EXERCISE BRIEF - Give the whole listing again, exactly as written.

--

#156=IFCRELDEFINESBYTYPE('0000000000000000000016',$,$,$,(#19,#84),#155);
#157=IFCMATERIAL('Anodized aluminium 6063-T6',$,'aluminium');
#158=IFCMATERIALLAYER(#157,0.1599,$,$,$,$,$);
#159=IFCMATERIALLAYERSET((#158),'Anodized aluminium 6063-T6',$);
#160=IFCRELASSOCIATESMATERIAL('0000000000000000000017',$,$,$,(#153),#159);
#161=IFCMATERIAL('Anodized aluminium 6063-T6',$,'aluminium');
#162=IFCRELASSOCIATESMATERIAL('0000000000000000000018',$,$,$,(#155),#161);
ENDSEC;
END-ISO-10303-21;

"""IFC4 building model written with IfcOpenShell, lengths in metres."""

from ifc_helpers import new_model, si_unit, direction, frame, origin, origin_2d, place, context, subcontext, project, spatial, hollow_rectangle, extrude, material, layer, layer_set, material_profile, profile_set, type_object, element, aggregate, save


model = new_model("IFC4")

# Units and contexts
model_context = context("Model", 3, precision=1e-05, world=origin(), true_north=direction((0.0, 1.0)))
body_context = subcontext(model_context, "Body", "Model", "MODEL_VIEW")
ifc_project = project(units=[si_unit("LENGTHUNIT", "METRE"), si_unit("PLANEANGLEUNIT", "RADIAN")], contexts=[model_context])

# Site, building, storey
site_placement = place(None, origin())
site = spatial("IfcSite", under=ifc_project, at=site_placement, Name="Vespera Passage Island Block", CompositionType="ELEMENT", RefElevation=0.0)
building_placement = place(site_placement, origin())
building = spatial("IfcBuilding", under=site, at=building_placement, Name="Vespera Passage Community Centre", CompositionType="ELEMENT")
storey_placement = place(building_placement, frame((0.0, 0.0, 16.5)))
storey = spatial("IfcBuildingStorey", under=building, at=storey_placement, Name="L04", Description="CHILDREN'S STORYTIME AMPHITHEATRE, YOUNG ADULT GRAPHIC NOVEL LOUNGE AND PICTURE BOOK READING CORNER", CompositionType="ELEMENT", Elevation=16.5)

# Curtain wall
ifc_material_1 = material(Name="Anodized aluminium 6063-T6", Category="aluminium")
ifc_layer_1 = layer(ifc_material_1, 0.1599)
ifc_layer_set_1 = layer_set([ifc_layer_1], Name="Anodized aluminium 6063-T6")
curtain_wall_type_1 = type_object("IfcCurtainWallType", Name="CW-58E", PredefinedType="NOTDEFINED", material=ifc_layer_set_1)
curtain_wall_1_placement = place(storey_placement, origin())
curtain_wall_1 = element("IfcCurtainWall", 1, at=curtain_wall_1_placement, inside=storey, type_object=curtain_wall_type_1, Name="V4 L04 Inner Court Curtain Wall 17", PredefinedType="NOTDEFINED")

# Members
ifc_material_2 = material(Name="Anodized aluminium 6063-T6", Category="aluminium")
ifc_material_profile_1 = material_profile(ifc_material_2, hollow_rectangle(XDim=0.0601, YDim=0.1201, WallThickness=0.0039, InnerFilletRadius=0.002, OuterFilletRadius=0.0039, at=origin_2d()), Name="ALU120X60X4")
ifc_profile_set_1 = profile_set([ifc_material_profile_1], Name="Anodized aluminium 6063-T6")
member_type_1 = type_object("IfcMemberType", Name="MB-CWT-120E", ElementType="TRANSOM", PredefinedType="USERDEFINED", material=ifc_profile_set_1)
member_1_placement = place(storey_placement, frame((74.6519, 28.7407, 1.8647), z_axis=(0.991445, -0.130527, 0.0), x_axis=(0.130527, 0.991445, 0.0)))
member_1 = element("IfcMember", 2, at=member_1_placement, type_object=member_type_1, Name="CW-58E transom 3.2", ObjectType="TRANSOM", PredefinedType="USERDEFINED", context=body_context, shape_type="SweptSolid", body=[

--

RESPONSE TO THE EXERCISE -
#156=IFCRELDEFINESBYTYPE('0000000000000000000016',$,$,$,(#19,#84),#155);
#157=IFCMATERIAL('Anodized aluminium 6063-T6',$,'aluminium');
#158=IFCMATERIALLAYER(#157,0.1599,$,$,$,$,$);
#159=IFCMATERIALLAYERSET((#158),'Anodized aluminium 6063-T6',$);
#160=IFCRELASSOCIATESMATERIAL('0000000000000000000017',$,$,$,(#153),#159);
#161=IFCMATERIAL('Anodized aluminium 6063-T6',$,'aluminium');
#162=IFCRELASSOCIATESMATERIAL('0000000000000000000018',$,$,$,(#155),#161);
ENDSEC;
END-ISO-10303-21;

"""IFC4 building model written with IfcOpenShell, lengths in metres."""

from ifc_helpers import new_model, si_unit, direction, frame, origin, origin_2d, place, context, subcontext, project, spatial, hollow_rectangle, extrude, material, layer, layer_set, material_profile, profile_set, type_object, element, aggregate, save


model = new_model("IFC4")

# Units and contexts
model_context = context("Model", 3, precision=1e-05, world=origin(), true_north=direction((0.0, 1.0)))
body_context = subcontext(model_context, "Body", "Model", "MODEL_VIEW")
ifc_project = project(units=[si_unit("LENGTHUNIT", "METRE"), si_unit("PLANEANGLEUNIT", "RADIAN")], contexts=[model_context])

# Site, building, storey
site_placement = place(None, origin())
site = spatial("IfcSite", under=ifc_project, at=site_placement, Name="Vespera Passage Island Block", CompositionType="ELEMENT", RefElevation=0.0)
building_placement = place(site_placement, origin())
building = spatial("IfcBuilding", under=site, at=building_placement, Name="Vespera Passage Community Centre", CompositionType="ELEMENT")
storey_placement = place(building_placement, frame((0.0, 0.0, 16.5)))
storey = spatial("IfcBuildingStorey", under=building, at=storey_placement, Name="L04", Description="CHILDREN'S STORYTIME AMPHITHEATRE, YOUNG ADULT GRAPHIC NOVEL LOUNGE AND PICTURE BOOK READING CORNER", CompositionType="ELEMENT", Elevation=16.5)

# Curtain wall
ifc_material_1 = material(Name="Anodized aluminium 6063-T6", Category="aluminium")
ifc_layer_1 = layer(ifc_material_1, 0.1599)
ifc_layer_set_1 = layer_set([ifc_layer_1], Name="Anodized aluminium 6063-T6")
curtain_wall_type_1 = type_object("IfcCurtainWallType", Name="CW-58E", PredefinedType="NOTDEFINED", material=ifc_layer_set_1)
curtain_wall_1_placement = place(storey_placement, origin())
curtain_wall_1 = element("IfcCurtainWall", 1, at=curtain_wall_1_placement, inside=storey, type_object=curtain_wall_type_1, Name="V4 L04 Inner Court Curtain Wall 17", PredefinedType="NOTDEFINED")

# Members
ifc_material_2 = material(Name="Anodized aluminium 6063-T6", Category="aluminium")
ifc_material_profile_1 = material_profile(ifc_material_2, hollow_rectangle(XDim=0.0601, YDim=0.1201, WallThickness=0.0039, InnerFilletRadius=0.002, OuterFilletRadius=0.0039, at=origin_2d()), Name="ALU120X60X4")
ifc_profile_set_1 = profile_set([ifc_material_profile_1], Name="Anodized aluminium 6063-T6")
member_type_1 = type_object("IfcMemberType", Name="MB-CWT-120E", ElementType="TRANSOM", PredefinedType="USERDEFINED", material=ifc_profile_set_1)
member_1_placement = place(storey_placement, frame((74.6519, 28.7407, 1.8647), z_axis=(0.991445, -0.130527, 0.0), x_axis=(0.130527, 0.991445, 0.0)))
member_1 = element("IfcMember", 2, at=member_1_placement, type_object=member_type_1, Name="CW-58E transom 3.2", ObjectType="TRANSOM", PredefinedType="USERDEFINED", context=body_context, shape_type="SweptSolid", body=[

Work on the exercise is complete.